▶ _DATA FOR ANALYSIS_:
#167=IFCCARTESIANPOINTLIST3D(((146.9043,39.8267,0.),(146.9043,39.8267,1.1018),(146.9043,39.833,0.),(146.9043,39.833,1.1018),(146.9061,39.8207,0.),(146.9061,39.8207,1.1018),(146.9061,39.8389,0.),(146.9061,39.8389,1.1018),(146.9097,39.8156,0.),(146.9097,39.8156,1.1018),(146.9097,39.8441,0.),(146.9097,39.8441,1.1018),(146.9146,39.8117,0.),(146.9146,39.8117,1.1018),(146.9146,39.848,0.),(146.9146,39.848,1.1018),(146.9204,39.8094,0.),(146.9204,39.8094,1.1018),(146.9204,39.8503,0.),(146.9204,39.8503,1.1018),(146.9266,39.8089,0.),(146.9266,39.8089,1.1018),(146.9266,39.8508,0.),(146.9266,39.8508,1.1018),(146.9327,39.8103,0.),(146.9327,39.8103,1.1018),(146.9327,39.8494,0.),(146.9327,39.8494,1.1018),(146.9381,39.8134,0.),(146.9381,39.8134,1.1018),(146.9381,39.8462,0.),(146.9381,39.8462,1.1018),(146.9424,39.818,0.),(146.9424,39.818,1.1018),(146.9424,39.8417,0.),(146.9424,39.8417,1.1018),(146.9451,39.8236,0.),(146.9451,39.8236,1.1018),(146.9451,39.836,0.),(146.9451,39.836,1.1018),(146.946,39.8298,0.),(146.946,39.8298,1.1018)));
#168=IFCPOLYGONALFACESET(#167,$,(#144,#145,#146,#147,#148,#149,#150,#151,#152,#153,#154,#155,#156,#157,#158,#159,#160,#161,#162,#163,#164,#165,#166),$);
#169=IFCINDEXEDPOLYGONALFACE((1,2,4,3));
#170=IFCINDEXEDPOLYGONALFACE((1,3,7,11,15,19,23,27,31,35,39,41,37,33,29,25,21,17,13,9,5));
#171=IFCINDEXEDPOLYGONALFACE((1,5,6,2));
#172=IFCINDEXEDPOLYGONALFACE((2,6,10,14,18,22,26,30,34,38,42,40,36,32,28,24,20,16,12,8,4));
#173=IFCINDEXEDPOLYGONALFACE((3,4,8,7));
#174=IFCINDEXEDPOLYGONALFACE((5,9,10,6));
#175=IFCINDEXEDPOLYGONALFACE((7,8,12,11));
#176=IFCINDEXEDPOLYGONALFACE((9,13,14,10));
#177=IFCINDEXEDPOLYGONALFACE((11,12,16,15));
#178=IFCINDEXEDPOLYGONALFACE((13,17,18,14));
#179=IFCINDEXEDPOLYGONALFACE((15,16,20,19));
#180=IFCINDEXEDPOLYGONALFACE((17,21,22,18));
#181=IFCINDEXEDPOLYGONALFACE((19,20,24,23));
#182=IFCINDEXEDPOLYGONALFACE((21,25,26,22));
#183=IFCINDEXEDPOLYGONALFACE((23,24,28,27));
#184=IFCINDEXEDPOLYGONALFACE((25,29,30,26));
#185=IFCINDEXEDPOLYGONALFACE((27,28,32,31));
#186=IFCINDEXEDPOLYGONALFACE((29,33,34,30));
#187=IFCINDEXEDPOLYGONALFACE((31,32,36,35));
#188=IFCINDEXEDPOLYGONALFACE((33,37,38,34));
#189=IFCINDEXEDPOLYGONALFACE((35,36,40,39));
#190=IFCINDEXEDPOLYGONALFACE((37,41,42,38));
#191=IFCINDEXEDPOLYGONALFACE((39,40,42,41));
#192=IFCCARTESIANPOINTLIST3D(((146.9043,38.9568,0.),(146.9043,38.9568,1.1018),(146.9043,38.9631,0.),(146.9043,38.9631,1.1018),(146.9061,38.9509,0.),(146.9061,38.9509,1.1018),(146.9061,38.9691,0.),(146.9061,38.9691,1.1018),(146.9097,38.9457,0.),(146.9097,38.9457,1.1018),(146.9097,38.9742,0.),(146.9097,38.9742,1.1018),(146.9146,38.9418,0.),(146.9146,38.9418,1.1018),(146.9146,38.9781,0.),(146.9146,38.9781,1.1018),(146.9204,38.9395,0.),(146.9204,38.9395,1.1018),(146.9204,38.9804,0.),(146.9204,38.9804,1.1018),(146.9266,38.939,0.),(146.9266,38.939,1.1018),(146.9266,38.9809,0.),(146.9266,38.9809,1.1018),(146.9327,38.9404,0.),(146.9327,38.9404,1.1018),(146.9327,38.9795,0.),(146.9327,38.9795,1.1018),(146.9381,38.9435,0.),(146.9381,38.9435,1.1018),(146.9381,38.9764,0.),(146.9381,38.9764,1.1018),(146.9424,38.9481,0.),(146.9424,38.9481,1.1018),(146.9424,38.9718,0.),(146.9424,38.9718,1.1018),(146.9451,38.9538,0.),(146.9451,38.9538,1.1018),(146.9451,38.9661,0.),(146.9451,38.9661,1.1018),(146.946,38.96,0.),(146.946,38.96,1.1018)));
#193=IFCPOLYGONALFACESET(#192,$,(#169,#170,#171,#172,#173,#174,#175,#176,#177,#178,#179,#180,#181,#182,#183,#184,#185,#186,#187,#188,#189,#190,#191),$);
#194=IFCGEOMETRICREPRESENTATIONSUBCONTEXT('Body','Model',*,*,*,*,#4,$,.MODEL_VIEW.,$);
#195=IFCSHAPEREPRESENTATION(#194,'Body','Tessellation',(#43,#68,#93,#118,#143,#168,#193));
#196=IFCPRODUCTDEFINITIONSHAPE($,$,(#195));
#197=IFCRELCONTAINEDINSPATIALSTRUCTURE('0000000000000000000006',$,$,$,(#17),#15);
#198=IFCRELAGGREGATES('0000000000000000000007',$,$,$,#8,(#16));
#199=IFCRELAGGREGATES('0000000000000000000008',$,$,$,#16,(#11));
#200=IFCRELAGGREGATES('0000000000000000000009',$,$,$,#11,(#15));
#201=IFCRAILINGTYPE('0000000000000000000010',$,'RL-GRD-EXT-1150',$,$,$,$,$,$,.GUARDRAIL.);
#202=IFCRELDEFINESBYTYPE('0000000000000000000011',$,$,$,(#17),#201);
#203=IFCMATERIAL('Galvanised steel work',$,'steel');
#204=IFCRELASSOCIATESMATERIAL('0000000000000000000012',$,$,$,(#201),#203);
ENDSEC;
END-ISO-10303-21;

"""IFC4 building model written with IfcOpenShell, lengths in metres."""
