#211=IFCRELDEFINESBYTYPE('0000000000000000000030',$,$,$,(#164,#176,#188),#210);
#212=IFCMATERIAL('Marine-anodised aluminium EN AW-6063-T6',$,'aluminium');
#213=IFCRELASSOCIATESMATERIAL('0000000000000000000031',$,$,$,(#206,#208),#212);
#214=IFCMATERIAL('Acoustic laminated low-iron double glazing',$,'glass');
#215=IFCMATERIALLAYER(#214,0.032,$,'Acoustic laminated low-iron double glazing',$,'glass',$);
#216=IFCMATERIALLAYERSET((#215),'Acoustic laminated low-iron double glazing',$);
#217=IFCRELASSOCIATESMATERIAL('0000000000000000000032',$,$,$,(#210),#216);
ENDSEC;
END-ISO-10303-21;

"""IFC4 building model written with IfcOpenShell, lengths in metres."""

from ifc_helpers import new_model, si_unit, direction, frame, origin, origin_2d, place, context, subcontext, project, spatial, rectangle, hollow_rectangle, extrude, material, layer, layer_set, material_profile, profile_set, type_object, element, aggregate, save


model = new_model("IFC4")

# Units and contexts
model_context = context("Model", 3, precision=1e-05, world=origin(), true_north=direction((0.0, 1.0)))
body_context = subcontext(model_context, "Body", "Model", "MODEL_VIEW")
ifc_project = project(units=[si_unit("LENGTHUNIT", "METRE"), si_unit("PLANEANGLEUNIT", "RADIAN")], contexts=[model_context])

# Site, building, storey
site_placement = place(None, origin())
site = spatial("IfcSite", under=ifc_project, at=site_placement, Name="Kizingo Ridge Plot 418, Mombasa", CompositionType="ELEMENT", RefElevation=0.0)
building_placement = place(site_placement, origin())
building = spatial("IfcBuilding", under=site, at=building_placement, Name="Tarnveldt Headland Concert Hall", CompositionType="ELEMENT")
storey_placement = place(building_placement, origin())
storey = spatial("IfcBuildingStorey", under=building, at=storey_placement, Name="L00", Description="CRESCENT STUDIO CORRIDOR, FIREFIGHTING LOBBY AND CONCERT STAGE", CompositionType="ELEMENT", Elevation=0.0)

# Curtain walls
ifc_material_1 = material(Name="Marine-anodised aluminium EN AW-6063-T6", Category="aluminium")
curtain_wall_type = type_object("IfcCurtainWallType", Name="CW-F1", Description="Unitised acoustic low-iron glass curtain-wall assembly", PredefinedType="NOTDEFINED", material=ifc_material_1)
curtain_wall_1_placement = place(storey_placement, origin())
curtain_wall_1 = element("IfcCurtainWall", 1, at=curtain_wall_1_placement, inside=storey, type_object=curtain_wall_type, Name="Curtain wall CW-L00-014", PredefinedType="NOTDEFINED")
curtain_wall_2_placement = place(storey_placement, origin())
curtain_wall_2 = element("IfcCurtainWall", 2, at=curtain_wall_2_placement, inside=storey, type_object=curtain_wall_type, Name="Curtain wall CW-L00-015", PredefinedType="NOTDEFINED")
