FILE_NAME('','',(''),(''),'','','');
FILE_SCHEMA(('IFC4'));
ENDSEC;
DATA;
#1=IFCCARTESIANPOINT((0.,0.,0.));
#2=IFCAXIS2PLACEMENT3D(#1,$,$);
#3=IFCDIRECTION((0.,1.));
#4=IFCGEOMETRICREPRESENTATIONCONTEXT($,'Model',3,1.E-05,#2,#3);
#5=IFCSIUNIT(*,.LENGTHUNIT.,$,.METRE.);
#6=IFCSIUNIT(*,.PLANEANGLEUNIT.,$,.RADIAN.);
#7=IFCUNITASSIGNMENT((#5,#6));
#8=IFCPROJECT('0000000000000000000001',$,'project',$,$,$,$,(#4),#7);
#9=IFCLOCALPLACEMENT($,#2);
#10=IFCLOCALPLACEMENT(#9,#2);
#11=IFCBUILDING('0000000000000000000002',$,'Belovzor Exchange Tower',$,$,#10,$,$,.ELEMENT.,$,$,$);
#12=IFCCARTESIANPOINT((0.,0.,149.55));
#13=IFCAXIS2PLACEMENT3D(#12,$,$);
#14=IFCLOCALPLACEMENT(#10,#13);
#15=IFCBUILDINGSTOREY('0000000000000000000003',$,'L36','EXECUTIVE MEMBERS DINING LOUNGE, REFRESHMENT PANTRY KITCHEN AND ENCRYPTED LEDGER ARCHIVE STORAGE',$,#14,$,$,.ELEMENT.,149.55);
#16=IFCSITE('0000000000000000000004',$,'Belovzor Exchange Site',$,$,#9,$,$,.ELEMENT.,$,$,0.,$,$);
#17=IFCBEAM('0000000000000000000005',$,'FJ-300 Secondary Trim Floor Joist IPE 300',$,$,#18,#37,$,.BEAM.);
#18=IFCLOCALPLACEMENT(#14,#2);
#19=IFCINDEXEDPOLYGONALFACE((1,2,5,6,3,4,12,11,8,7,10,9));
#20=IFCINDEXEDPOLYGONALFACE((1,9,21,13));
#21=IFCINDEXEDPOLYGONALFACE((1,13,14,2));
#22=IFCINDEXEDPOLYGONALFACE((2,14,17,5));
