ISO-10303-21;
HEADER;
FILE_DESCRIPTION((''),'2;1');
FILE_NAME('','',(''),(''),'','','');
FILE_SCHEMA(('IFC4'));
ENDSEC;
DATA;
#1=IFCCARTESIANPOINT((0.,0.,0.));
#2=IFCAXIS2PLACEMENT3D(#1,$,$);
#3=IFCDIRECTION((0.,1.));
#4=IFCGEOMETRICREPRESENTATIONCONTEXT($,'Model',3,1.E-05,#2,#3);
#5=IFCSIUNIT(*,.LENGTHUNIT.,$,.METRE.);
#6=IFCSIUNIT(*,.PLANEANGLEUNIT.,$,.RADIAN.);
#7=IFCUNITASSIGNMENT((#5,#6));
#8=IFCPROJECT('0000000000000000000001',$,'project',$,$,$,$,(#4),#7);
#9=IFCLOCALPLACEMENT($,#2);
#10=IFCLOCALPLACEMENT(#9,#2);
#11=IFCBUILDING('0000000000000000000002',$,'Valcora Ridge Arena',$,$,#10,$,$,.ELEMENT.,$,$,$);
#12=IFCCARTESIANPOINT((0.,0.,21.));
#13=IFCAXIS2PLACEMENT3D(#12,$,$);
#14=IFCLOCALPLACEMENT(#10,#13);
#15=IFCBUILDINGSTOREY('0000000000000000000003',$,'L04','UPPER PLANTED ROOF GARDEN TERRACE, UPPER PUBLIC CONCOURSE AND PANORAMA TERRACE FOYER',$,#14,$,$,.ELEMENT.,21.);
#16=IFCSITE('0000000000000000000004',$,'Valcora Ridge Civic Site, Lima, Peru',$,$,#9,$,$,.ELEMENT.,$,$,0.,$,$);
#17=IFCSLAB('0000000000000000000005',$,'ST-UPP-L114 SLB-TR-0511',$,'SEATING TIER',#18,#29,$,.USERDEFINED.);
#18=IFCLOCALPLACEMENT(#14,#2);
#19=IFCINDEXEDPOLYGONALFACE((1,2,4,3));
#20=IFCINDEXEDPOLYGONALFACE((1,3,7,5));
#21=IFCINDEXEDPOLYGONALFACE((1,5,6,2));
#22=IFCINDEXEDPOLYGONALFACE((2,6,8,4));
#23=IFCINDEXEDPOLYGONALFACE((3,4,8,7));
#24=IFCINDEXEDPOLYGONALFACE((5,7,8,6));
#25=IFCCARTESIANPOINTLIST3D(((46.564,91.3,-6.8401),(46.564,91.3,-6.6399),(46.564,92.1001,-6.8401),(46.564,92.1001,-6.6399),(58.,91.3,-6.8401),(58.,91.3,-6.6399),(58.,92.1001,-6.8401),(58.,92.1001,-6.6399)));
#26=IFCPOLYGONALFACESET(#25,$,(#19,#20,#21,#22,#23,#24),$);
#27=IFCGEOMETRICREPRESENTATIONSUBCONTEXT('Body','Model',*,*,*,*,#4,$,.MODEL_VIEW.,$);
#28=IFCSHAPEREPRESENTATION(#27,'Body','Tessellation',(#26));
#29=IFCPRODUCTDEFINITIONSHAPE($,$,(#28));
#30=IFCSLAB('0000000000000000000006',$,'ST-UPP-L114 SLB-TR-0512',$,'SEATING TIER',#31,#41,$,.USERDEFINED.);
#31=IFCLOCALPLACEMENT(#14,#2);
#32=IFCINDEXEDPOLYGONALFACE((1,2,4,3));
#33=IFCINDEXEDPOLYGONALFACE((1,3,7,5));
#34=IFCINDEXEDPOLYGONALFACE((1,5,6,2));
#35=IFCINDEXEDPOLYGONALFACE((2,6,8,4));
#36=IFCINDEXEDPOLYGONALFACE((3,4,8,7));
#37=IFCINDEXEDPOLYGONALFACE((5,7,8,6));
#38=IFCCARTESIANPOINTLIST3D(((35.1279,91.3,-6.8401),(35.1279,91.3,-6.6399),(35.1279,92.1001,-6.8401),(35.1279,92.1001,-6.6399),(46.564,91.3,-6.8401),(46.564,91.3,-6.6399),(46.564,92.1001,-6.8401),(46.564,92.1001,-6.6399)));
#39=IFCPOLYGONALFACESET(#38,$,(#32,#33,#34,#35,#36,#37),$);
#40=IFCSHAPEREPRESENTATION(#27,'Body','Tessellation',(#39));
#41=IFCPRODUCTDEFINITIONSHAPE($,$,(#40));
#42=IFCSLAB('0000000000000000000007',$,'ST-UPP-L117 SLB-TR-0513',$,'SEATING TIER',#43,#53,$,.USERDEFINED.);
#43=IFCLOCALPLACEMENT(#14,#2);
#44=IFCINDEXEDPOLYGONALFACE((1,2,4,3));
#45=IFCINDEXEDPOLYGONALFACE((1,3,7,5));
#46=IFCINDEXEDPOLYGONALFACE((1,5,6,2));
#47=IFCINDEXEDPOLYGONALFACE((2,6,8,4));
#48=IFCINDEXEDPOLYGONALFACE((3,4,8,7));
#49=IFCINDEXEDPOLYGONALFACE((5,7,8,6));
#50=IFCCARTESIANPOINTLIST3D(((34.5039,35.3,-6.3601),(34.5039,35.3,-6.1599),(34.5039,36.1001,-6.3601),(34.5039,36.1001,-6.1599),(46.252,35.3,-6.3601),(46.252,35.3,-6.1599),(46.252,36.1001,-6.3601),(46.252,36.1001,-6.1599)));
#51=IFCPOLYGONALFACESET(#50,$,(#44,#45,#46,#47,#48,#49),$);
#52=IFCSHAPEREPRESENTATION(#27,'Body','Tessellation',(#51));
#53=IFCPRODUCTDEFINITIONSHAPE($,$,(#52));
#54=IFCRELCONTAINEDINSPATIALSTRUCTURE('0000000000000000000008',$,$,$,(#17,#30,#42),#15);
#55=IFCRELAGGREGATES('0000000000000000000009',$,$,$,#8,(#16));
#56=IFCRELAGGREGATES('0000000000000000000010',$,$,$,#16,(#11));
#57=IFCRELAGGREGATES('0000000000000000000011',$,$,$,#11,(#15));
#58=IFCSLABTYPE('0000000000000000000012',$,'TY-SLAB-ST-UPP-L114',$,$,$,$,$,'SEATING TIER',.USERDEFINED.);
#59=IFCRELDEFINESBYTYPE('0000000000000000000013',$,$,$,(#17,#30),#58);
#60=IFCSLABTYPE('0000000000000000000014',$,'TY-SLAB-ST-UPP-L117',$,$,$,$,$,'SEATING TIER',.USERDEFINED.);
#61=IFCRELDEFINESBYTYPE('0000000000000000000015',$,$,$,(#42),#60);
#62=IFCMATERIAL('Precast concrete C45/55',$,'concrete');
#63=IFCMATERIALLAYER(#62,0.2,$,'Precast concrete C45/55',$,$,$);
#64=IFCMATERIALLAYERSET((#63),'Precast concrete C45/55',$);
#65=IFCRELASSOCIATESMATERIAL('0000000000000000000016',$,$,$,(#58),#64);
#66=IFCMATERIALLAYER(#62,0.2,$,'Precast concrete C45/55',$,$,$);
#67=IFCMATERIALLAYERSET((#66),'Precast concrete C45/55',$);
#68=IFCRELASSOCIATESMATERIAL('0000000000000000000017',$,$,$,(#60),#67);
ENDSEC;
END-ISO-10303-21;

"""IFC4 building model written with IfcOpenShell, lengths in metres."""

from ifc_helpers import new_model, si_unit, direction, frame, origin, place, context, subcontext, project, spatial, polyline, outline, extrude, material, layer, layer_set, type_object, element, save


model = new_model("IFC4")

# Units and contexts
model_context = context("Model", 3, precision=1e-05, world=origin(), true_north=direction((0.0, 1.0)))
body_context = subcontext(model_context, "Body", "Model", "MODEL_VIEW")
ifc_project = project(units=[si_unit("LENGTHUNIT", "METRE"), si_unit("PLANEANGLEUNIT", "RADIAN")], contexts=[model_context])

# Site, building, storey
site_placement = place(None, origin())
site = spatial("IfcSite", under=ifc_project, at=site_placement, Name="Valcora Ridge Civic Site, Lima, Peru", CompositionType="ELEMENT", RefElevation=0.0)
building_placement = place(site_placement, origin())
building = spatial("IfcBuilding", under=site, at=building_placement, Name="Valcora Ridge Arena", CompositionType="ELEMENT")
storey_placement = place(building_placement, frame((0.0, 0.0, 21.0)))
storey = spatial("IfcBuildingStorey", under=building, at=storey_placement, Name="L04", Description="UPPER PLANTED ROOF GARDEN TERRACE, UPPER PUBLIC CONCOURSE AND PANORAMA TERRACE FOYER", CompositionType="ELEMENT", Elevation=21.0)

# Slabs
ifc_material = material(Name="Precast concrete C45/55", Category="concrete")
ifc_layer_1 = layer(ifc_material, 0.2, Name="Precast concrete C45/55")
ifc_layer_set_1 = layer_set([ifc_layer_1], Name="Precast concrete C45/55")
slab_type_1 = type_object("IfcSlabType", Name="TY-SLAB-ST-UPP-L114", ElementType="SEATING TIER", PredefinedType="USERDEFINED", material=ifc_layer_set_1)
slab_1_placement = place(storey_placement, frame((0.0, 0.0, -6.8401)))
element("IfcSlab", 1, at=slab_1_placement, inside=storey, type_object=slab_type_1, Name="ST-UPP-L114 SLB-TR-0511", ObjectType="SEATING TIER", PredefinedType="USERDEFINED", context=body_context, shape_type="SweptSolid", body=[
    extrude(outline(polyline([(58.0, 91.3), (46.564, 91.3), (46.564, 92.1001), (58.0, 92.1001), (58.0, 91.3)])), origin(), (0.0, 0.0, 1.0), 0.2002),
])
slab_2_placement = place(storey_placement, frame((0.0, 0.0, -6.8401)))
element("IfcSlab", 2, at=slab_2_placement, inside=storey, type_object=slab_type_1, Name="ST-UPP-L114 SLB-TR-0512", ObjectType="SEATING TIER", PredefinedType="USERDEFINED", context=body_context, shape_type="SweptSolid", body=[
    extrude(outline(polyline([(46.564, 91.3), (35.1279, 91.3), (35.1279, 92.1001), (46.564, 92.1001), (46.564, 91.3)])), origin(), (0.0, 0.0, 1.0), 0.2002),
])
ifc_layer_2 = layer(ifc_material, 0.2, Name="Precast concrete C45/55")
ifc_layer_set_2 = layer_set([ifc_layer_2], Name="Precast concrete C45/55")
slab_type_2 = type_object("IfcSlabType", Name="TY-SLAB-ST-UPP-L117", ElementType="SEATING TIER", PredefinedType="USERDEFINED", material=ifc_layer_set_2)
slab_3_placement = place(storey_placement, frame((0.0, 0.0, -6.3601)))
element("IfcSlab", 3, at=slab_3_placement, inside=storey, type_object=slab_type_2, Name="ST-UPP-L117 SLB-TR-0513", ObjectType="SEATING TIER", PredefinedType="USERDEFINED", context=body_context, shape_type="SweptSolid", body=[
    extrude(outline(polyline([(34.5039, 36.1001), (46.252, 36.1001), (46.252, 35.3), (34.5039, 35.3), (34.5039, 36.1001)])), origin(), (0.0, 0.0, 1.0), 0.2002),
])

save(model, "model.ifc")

▶ _YOUR OBJECTIVE_: Of all the entries above, repeat only the lines from the line that has "#19=IFCINDEXEDPOLYGONALFACE((1,2,4,3));" to the line that has "#24=IFCINDEXEDPOLYGONALFACE((5,7,8,6));", both lines included, exactly.

▶ _RESULT BELOW_:
#19=IFCINDEXEDPOLYGONALFACE((1,2,4,3));
#20=IFCINDEXEDPOLYGONALFACE((1,3,7,5));
#21=IFCINDEXEDPOLYGONALFACE((1,5,6,2));
#22=IFCINDEXEDPOLYGONALFACE((2,6,8,4));
#23=IFCINDEXEDPOLYGONALFACE((3,4,8,7));
#24=IFCINDEXEDPOLYGONALFACE((5,7,8,6));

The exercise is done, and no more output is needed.